EXCERPTED DATA
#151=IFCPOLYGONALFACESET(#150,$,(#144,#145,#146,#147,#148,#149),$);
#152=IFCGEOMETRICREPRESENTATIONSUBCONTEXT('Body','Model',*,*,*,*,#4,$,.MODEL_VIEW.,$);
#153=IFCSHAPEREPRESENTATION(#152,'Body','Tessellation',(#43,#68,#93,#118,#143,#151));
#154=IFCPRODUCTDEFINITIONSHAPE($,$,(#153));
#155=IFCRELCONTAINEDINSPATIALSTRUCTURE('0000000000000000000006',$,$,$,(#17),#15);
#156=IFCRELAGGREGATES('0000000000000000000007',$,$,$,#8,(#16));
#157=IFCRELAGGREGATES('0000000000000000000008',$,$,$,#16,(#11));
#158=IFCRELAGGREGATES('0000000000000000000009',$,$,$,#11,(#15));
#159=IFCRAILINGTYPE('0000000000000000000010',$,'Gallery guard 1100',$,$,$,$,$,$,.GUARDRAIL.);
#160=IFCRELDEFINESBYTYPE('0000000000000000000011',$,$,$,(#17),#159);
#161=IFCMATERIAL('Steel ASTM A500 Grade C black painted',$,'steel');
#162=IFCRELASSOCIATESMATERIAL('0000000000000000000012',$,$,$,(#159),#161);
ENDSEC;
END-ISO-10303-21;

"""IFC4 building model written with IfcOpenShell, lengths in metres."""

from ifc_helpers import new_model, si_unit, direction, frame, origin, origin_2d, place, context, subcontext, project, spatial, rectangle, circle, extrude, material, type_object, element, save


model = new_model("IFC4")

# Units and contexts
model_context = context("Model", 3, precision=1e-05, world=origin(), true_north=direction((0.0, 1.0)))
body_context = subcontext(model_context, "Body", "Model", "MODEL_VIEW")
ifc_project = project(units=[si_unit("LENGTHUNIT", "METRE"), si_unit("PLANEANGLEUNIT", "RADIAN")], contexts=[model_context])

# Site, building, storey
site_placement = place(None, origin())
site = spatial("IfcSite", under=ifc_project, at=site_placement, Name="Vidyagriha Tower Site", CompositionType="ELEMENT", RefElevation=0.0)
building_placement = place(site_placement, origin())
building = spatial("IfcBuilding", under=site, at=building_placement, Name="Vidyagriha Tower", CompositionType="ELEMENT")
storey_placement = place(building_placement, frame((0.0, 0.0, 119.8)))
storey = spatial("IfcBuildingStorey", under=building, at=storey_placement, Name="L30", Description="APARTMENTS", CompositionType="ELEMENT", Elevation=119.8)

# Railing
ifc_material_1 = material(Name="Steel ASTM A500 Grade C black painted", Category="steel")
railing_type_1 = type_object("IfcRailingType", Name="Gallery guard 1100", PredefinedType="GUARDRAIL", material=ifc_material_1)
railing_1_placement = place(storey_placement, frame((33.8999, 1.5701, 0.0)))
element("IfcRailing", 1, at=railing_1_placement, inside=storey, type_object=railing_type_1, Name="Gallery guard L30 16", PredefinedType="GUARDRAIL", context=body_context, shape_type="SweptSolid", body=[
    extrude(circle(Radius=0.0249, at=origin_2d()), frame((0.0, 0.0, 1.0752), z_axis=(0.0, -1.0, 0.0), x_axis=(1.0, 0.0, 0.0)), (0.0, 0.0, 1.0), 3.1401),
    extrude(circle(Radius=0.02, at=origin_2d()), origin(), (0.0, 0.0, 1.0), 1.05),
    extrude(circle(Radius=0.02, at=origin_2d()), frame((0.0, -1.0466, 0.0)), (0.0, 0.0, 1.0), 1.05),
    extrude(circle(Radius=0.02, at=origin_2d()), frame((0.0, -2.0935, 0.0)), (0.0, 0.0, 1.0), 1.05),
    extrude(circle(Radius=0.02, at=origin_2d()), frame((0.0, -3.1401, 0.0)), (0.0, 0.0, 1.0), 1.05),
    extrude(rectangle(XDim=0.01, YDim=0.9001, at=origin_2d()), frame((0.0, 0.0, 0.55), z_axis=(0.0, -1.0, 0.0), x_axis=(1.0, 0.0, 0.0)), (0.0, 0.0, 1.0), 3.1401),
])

WORK INSTRUCTIONS
All lines holding the word "painted" must be found in the listing and copied.

RESULT OF THIS TASK
#161=IFCMATERIAL('Steel ASTM A500 Grade C black painted',$,'steel');
ifc_material_1 = material(Name="Steel ASTM A500 Grade C black painted", Category="steel")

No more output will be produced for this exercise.